## Problem description
Before doing anything else, copy the entries below exactly.

^^^^^^^^^^^^^^^^

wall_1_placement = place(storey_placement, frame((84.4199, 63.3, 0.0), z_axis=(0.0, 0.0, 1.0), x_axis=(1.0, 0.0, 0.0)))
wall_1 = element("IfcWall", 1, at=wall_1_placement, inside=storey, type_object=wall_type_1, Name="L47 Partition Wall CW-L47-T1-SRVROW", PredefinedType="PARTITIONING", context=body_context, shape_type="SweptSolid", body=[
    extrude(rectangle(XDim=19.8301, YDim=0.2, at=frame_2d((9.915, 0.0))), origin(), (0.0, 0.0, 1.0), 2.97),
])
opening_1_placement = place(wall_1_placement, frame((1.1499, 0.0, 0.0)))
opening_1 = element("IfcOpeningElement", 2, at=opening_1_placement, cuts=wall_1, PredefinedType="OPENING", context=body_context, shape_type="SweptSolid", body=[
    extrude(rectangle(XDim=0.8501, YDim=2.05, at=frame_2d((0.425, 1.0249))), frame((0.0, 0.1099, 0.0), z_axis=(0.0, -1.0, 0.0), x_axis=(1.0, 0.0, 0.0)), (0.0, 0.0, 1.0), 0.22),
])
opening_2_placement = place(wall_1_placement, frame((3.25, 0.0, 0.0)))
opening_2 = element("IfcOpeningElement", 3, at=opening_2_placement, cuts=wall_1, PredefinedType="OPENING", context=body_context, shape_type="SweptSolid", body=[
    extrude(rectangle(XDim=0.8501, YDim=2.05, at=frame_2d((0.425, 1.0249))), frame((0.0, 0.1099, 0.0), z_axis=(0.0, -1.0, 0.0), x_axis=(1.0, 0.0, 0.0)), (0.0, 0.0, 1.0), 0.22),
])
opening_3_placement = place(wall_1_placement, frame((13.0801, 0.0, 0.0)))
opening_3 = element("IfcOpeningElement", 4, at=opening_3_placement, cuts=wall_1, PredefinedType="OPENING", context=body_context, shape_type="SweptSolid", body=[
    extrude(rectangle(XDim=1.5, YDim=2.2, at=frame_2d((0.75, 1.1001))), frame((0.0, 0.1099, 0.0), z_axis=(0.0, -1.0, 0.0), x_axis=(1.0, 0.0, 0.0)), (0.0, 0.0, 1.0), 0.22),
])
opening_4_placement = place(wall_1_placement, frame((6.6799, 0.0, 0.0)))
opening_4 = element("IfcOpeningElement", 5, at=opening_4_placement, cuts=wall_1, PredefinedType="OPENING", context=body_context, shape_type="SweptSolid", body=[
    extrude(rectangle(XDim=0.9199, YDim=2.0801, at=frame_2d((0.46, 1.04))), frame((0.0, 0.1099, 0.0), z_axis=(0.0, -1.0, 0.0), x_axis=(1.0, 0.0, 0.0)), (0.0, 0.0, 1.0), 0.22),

^^^^^^^^^^^^^^^^

## Written response
wall_1_placement = place(storey_placement, frame((84.4199, 63.3, 0.0), z_axis=(0.0, 0.0, 1.0), x_axis=(1.0, 0.0, 0.0)))
wall_1 = element("IfcWall", 1, at=wall_1_placement, inside=storey, type_object=wall_type_1, Name="L47 Partition Wall CW-L47-T1-SRVROW", PredefinedType="PARTITIONING", context=body_context, shape_type="SweptSolid", body=[
    extrude(rectangle(XDim=19.8301, YDim=0.2, at=frame_2d((9.915, 0.0))), origin(), (0.0, 0.0, 1.0), 2.97),
])
opening_1_placement = place(wall_1_placement, frame((1.1499, 0.0, 0.0)))
opening_1 = element("IfcOpeningElement", 2, at=opening_1_placement, cuts=wall_1, PredefinedType="OPENING", context=body_context, shape_type="SweptSolid", body=[
    extrude(rectangle(XDim=0.8501, YDim=2.05, at=frame_2d((0.425, 1.0249))), frame((0.0, 0.1099, 0.0), z_axis=(0.0, -1.0, 0.0), x_axis=(1.0, 0.0, 0.0)), (0.0, 0.0, 1.0), 0.22),
])
opening_2_placement = place(wall_1_placement, frame((3.25, 0.0, 0.0)))
opening_2 = element("IfcOpeningElement", 3, at=opening_2_placement, cuts=wall_1, PredefinedType="OPENING", context=body_context, shape_type="SweptSolid", body=[
    extrude(rectangle(XDim=0.8501, YDim=2.05, at=frame_2d((0.425, 1.0249))), frame((0.0, 0.1099, 0.0), z_axis=(0.0, -1.0, 0.0), x_axis=(1.0, 0.0, 0.0)), (0.0, 0.0, 1.0), 0.22),
])
opening_3_placement = place(wall_1_placement, frame((13.0801, 0.0, 0.0)))
opening_3 = element("IfcOpeningElement", 4, at=opening_3_placement, cuts=wall_1, PredefinedType="OPENING", context=body_context, shape_type="SweptSolid", body=[
    extrude(rectangle(XDim=1.5, YDim=2.2, at=frame_2d((0.75, 1.1001))), frame((0.0, 0.1099, 0.0), z_axis=(0.0, -1.0, 0.0), x_axis=(1.0, 0.0, 0.0)), (0.0, 0.0, 1.0), 0.22),
])
opening_4_placement = place(wall_1_placement, frame((6.6799, 0.0, 0.0)))
opening_4 = element("IfcOpeningElement", 5, at=opening_4_placement, cuts=wall_1, PredefinedType="OPENING", context=body_context, shape_type="SweptSolid", body=[
    extrude(rectangle(XDim=0.9199, YDim=2.0801, at=frame_2d((0.46, 1.04))), frame((0.0, 0.1099, 0.0), z_axis=(0.0, -1.0, 0.0), x_axis=(1.0, 0.0, 0.0)), (0.0, 0.0, 1.0), 0.22),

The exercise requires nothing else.